**EXERCISE AIM:** Nothing but the lines from the start of the records below through the line that has "#99=IFCINDEXEDPOLYGONALFACE((67,68,70,69));" should appear, each exactly as given.

Data entries
⁂

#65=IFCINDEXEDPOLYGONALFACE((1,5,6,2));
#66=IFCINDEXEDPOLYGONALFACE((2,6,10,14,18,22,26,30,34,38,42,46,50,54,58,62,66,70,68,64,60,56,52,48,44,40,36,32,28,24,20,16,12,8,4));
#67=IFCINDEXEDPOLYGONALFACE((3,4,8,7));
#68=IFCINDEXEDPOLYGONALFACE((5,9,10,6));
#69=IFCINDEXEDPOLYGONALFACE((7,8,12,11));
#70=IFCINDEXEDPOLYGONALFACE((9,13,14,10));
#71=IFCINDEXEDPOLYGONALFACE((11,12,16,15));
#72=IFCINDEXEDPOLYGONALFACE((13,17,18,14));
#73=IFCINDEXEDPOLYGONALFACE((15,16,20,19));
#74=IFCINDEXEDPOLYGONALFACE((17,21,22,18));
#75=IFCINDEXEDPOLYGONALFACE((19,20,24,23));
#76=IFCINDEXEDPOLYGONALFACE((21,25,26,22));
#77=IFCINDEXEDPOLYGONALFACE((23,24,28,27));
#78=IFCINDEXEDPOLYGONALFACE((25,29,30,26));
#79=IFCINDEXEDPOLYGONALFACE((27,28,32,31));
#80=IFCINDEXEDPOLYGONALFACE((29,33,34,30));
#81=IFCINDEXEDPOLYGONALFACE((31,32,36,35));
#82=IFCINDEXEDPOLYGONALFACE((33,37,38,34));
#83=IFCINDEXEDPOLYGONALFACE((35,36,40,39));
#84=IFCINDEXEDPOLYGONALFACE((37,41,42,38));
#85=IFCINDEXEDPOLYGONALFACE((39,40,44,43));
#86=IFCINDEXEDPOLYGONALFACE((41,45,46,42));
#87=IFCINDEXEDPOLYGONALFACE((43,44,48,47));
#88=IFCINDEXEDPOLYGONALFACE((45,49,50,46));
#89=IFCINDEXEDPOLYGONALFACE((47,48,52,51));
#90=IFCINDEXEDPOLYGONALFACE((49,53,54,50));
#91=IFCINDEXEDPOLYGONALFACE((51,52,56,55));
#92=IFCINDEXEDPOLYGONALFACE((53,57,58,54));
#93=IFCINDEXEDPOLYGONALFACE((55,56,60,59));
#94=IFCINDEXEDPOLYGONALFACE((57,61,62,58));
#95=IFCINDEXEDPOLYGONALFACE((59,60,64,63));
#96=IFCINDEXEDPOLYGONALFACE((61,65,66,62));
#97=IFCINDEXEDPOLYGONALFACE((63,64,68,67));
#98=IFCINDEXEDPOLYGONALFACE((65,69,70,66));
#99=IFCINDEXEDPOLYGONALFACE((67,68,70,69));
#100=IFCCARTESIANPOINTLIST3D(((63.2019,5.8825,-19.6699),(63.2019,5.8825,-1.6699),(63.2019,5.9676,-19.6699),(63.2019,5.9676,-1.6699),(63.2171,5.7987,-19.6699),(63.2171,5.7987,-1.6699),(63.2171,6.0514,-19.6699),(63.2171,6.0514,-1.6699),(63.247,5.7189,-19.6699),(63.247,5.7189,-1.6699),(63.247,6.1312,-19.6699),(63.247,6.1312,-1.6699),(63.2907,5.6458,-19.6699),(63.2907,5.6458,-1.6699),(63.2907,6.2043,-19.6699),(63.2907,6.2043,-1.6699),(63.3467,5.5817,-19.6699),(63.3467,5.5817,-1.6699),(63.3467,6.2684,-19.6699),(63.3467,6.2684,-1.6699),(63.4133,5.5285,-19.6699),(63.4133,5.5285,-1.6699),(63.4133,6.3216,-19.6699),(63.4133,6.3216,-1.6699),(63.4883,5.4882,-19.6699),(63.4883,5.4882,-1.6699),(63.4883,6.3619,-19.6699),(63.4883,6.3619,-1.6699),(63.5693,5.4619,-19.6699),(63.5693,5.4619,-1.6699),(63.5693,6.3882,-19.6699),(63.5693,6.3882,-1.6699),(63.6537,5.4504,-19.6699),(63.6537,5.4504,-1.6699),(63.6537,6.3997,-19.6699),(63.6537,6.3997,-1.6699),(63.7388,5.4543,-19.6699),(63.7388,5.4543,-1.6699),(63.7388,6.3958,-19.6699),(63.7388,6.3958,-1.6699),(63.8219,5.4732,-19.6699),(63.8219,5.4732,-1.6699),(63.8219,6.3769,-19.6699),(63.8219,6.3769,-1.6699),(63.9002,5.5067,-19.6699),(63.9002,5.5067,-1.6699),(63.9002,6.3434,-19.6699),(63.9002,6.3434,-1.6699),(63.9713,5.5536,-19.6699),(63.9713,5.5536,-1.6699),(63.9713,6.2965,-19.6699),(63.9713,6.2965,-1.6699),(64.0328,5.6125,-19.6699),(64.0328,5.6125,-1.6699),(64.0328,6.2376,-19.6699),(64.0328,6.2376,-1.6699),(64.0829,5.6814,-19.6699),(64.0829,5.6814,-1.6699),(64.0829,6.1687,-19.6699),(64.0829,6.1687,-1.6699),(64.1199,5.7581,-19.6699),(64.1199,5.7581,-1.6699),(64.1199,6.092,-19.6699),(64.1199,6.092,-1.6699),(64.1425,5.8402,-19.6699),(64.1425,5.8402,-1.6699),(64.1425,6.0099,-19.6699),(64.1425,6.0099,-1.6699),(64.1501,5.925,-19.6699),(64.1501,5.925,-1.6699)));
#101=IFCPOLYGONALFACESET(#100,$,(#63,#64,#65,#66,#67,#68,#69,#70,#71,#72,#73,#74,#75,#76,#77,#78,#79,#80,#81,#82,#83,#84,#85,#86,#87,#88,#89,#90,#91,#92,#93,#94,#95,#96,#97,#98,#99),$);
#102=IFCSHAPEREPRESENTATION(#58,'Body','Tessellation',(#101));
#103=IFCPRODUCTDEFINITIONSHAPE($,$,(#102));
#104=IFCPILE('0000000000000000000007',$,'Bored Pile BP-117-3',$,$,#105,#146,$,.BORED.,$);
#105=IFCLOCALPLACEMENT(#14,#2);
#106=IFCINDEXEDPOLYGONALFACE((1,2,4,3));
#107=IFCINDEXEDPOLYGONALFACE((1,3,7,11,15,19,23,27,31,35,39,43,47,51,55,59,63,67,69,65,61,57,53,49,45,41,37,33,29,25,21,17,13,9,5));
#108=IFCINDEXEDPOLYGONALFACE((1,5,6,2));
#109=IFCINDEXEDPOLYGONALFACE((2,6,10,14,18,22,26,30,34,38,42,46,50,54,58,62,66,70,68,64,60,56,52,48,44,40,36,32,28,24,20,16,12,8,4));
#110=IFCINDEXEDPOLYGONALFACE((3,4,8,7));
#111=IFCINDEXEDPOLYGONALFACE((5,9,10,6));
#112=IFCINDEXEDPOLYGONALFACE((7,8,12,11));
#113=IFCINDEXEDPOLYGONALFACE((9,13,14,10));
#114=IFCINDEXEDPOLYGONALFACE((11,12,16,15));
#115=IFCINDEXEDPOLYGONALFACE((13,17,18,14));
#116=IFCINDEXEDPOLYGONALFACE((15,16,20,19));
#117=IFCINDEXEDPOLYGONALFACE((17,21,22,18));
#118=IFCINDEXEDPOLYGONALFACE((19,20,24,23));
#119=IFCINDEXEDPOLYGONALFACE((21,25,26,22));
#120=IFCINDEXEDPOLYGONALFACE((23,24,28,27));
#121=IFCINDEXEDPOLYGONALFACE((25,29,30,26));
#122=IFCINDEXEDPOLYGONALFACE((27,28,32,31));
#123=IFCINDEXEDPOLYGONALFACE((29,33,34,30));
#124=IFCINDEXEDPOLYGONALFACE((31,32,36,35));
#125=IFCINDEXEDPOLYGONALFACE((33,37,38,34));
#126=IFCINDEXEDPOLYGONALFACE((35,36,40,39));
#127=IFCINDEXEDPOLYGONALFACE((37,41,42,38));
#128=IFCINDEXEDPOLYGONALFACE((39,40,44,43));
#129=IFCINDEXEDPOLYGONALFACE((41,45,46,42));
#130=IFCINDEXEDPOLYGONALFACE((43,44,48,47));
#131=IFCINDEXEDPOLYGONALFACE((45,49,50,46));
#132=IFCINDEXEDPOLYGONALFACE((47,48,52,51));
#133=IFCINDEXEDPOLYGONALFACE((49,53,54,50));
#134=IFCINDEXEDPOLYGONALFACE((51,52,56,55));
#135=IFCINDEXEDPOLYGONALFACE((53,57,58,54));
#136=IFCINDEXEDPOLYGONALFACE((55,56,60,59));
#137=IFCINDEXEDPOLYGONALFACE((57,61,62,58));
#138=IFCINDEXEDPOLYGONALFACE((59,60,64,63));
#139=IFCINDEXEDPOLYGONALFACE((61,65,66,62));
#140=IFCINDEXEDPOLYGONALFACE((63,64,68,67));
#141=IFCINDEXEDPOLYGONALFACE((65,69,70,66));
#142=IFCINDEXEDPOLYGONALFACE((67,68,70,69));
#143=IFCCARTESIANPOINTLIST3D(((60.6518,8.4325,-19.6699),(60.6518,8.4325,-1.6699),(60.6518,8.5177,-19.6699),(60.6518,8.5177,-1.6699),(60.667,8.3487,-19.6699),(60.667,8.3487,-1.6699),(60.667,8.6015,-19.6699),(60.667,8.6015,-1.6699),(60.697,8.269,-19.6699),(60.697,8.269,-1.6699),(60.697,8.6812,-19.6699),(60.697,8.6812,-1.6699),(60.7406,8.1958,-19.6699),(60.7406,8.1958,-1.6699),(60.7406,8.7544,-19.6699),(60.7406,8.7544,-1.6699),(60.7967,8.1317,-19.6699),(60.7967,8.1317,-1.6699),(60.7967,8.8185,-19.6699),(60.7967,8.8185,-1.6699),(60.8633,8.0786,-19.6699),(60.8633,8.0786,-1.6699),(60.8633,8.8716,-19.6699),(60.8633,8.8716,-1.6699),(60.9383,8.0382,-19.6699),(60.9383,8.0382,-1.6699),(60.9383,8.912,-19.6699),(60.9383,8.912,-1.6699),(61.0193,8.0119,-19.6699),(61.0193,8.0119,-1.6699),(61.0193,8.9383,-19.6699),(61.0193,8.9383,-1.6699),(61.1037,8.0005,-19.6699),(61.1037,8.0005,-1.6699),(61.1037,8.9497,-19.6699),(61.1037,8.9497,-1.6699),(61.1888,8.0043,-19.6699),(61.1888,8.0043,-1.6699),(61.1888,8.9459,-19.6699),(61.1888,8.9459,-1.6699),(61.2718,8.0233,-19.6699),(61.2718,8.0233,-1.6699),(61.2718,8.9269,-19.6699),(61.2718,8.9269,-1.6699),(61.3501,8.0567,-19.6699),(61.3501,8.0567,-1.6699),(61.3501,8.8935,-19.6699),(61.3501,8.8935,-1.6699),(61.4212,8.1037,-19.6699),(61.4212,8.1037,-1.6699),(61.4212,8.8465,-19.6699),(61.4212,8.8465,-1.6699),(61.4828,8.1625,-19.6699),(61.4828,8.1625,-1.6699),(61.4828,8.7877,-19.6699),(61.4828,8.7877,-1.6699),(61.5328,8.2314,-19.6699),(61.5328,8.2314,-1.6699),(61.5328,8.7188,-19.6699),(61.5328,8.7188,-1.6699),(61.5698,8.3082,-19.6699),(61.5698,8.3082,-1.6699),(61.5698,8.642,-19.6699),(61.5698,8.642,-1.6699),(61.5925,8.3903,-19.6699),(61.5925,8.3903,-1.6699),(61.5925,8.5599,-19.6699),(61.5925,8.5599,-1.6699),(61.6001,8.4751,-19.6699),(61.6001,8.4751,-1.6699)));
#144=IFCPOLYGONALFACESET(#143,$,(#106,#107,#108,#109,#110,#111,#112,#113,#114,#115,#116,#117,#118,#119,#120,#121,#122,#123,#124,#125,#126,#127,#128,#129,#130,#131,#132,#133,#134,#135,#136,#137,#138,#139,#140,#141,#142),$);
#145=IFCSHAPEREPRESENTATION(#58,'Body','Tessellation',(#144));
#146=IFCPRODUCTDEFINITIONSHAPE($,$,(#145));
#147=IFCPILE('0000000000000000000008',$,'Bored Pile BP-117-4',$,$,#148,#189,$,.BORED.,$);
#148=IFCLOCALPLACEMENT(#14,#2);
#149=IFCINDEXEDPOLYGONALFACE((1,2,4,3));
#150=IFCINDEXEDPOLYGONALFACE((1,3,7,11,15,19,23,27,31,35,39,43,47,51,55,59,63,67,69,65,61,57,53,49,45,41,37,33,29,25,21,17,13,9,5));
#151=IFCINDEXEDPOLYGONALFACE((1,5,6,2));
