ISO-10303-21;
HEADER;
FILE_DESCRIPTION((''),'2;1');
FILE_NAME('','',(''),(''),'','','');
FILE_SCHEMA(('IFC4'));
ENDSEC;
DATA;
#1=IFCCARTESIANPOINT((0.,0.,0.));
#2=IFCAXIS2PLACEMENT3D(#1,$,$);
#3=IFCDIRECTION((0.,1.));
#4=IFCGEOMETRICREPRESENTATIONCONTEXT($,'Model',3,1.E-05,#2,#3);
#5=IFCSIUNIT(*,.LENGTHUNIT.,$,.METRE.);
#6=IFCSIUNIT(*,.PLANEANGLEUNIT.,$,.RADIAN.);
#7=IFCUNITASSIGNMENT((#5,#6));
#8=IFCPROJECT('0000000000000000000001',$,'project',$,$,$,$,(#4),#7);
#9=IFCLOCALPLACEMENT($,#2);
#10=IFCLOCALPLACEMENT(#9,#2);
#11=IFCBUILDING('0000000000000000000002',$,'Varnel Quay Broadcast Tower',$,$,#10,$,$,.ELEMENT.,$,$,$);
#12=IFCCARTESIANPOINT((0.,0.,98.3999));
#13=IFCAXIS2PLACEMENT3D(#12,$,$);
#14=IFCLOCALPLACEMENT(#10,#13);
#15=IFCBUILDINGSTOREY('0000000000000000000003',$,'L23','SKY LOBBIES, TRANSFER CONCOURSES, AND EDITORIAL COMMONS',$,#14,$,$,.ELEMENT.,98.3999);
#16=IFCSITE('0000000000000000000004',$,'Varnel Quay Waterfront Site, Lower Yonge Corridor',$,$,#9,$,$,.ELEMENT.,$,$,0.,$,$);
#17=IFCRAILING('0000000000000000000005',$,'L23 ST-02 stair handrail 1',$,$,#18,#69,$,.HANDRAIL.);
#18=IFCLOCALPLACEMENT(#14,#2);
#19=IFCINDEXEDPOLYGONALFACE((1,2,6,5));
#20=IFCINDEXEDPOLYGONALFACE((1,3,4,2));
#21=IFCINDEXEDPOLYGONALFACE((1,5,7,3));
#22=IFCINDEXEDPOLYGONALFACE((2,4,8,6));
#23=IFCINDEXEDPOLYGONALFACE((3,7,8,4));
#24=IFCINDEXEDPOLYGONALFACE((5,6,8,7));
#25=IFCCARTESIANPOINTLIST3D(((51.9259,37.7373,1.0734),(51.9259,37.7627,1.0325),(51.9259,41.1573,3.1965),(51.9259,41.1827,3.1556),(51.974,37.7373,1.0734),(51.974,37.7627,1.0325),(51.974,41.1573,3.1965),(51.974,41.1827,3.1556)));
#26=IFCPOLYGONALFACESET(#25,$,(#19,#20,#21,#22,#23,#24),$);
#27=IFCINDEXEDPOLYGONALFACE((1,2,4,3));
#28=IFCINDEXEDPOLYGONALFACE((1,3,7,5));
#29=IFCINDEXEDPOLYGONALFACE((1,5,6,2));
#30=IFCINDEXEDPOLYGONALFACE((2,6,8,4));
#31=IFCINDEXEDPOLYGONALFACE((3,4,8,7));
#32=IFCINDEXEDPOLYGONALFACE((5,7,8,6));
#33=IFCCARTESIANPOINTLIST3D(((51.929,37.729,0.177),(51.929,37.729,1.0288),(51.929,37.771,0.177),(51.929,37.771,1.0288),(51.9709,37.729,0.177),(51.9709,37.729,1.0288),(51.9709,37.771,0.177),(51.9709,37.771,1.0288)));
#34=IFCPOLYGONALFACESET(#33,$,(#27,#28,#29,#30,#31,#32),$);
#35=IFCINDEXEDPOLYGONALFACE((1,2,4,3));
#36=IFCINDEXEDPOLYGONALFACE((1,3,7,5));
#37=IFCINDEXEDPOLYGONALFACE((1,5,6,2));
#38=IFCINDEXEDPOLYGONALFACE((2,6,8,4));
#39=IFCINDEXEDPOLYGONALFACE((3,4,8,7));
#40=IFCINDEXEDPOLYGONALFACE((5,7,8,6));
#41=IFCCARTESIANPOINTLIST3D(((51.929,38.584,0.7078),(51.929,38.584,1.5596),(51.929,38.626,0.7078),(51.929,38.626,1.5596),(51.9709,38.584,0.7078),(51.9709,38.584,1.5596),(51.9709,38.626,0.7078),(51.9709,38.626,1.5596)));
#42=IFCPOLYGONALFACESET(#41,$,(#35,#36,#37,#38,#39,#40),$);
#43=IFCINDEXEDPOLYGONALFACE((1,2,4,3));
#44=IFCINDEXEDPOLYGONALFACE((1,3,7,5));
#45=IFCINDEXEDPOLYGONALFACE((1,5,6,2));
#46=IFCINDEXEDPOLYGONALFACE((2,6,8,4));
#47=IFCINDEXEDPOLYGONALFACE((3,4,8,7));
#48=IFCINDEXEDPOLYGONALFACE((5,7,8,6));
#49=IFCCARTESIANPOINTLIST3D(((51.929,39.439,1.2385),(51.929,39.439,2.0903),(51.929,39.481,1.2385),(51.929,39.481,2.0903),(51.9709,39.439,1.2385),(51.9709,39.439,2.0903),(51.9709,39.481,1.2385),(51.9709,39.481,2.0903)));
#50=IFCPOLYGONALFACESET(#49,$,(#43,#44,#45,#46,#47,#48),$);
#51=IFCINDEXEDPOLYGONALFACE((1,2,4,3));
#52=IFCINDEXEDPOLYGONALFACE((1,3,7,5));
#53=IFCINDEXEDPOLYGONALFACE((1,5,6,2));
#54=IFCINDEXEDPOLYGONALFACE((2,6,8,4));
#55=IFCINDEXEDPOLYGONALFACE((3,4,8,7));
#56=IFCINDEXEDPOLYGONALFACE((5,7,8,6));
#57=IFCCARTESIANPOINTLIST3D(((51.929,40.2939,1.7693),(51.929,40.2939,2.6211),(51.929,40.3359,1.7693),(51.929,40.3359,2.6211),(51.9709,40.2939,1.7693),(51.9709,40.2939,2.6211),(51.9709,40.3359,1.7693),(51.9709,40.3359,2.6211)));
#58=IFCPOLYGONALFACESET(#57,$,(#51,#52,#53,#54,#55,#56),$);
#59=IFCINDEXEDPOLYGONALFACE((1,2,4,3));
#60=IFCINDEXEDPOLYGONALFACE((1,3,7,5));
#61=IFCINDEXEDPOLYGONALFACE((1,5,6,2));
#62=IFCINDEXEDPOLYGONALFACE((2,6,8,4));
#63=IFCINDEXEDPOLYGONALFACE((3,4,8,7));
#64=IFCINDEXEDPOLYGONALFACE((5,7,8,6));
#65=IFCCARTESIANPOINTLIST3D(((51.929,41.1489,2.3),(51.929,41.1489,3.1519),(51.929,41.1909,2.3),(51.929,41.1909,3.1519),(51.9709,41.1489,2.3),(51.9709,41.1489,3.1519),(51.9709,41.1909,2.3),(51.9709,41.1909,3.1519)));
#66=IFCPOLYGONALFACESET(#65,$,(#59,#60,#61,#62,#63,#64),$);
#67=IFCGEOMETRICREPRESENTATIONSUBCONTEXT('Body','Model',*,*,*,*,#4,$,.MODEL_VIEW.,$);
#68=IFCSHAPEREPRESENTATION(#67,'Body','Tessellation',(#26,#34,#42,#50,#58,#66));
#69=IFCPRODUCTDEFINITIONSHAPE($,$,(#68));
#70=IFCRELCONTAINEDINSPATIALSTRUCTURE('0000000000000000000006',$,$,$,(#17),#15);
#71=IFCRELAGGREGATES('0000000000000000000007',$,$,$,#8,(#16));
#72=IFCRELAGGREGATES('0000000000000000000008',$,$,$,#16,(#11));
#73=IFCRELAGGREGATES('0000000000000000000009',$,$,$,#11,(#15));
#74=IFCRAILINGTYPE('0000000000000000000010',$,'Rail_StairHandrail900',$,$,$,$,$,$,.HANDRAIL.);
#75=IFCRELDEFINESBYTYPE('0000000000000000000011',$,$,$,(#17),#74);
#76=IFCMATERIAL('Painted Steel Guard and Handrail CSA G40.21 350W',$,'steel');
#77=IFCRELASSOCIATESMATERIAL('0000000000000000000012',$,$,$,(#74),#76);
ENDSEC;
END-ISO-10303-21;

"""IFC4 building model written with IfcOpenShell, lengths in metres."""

from ifc_helpers import new_model, si_unit, direction, frame, origin, origin_2d, place, context, subcontext, project, spatial, rectangle, extrude, material, type_object, element, save


model = new_model("IFC4")

# Units and contexts
model_context = context("Model", 3, precision=1e-05, world=origin(), true_north=direction((0.0, 1.0)))
body_context = subcontext(model_context, "Body", "Model", "MODEL_VIEW")
ifc_project = project(units=[si_unit("LENGTHUNIT", "METRE"), si_unit("PLANEANGLEUNIT", "RADIAN")], contexts=[model_context])

# Site, building, storey
site_placement = place(None, origin())
site = spatial("IfcSite", under=ifc_project, at=site_placement, Name="Varnel Quay Waterfront Site, Lower Yonge Corridor", CompositionType="ELEMENT", RefElevation=0.0)
building_placement = place(site_placement, origin())
building = spatial("IfcBuilding", under=site, at=building_placement, Name="Varnel Quay Broadcast Tower", CompositionType="ELEMENT")
storey_placement = place(building_placement, frame((0.0, 0.0, 98.3999)))
storey = spatial("IfcBuildingStorey", under=building, at=storey_placement, Name="L23", Description="SKY LOBBIES, TRANSFER CONCOURSES, AND EDITORIAL COMMONS", CompositionType="ELEMENT", Elevation=98.3999)

# Railing
ifc_material_1 = material(Name="Painted Steel Guard and Handrail CSA G40.21 350W", Category="steel")
railing_type_1 = type_object("IfcRailingType", Name="Rail_StairHandrail900", PredefinedType="HANDRAIL", material=ifc_material_1)
railing_1_placement = place(storey_placement, frame((51.95, 37.75, 0.177)))
element("IfcRailing", 1, at=railing_1_placement, inside=storey, type_object=railing_type_1, Name="L23 ST-02 stair handrail 1", PredefinedType="HANDRAIL", context=body_context, shape_type="SweptSolid", body=[
    extrude(rectangle(XDim=0.0481, YDim=0.0481, at=origin_2d()), frame((0.0, 0.0, 0.876), z_axis=(0.0, 0.849603, 0.527423), x_axis=(-1.0, 0.0, 0.0)), (0.0, 0.0, 1.0), 4.0254),
    extrude(rectangle(XDim=0.042, YDim=0.042, at=origin_2d()), origin(), (0.0, 0.0, 1.0), 0.8518),
    extrude(rectangle(XDim=0.042, YDim=0.042, at=origin_2d()), frame((0.0, 0.855, 0.5308)), (0.0, 0.0, 1.0), 0.8518),
    extrude(rectangle(XDim=0.042, YDim=0.042, at=origin_2d()), frame((0.0, 1.71, 1.0615)), (0.0, 0.0, 1.0), 0.8518),
    extrude(rectangle(XDim=0.042, YDim=0.042, at=origin_2d()), frame((0.0, 2.5649, 1.5923)), (0.0, 0.0, 1.0), 0.8518),
    extrude(rectangle(XDim=0.042, YDim=0.042, at=origin_2d()), frame((0.0, 3.4199, 2.123)), (0.0, 0.0, 1.0), 0.8518),
])

save(model, "model.ifc")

⁂

**WRITTEN RESPONSE:**
#65=IFCINDEXEDPOLYGONALFACE((1,5,6,2));
#66=IFCINDEXEDPOLYGONALFACE((2,6,10,14,18,22,26,30,34,38,42,46,50,54,58,62,66,70,68,64,60,56,52,48,44,40,36,32,28,24,20,16,12,8,4));
#67=IFCINDEXEDPOLYGONALFACE((3,4,8,7));
#68=IFCINDEXEDPOLYGONALFACE((5,9,10,6));
#69=IFCINDEXEDPOLYGONALFACE((7,8,12,11));
#70=IFCINDEXEDPOLYGONALFACE((9,13,14,10));
#71=IFCINDEXEDPOLYGONALFACE((11,12,16,15));
#72=IFCINDEXEDPOLYGONALFACE((13,17,18,14));
#73=IFCINDEXEDPOLYGONALFACE((15,16,20,19));
#74=IFCINDEXEDPOLYGONALFACE((17,21,22,18));
#75=IFCINDEXEDPOLYGONALFACE((19,20,24,23));
#76=IFCINDEXEDPOLYGONALFACE((21,25,26,22));
#77=IFCINDEXEDPOLYGONALFACE((23,24,28,27));
#78=IFCINDEXEDPOLYGONALFACE((25,29,30,26));
#79=IFCINDEXEDPOLYGONALFACE((27,28,32,31));
#80=IFCINDEXEDPOLYGONALFACE((29,33,34,30));
#81=IFCINDEXEDPOLYGONALFACE((31,32,36,35));
#82=IFCINDEXEDPOLYGONALFACE((33,37,38,34));
#83=IFCINDEXEDPOLYGONALFACE((35,36,40,39));
#84=IFCINDEXEDPOLYGONALFACE((37,41,42,38));
#85=IFCINDEXEDPOLYGONALFACE((39,40,44,43));
#86=IFCINDEXEDPOLYGONALFACE((41,45,46,42));
#87=IFCINDEXEDPOLYGONALFACE((43,44,48,47));
#88=IFCINDEXEDPOLYGONALFACE((45,49,50,46));
#89=IFCINDEXEDPOLYGONALFACE((47,48,52,51));
#90=IFCINDEXEDPOLYGONALFACE((49,53,54,50));
#91=IFCINDEXEDPOLYGONALFACE((51,52,56,55));
#92=IFCINDEXEDPOLYGONALFACE((53,57,58,54));
#93=IFCINDEXEDPOLYGONALFACE((55,56,60,59));
#94=IFCINDEXEDPOLYGONALFACE((57,61,62,58));
#95=IFCINDEXEDPOLYGONALFACE((59,60,64,63));
#96=IFCINDEXEDPOLYGONALFACE((61,65,66,62));
#97=IFCINDEXEDPOLYGONALFACE((63,64,68,67));
#98=IFCINDEXEDPOLYGONALFACE((65,69,70,66));
#99=IFCINDEXEDPOLYGONALFACE((67,68,70,69));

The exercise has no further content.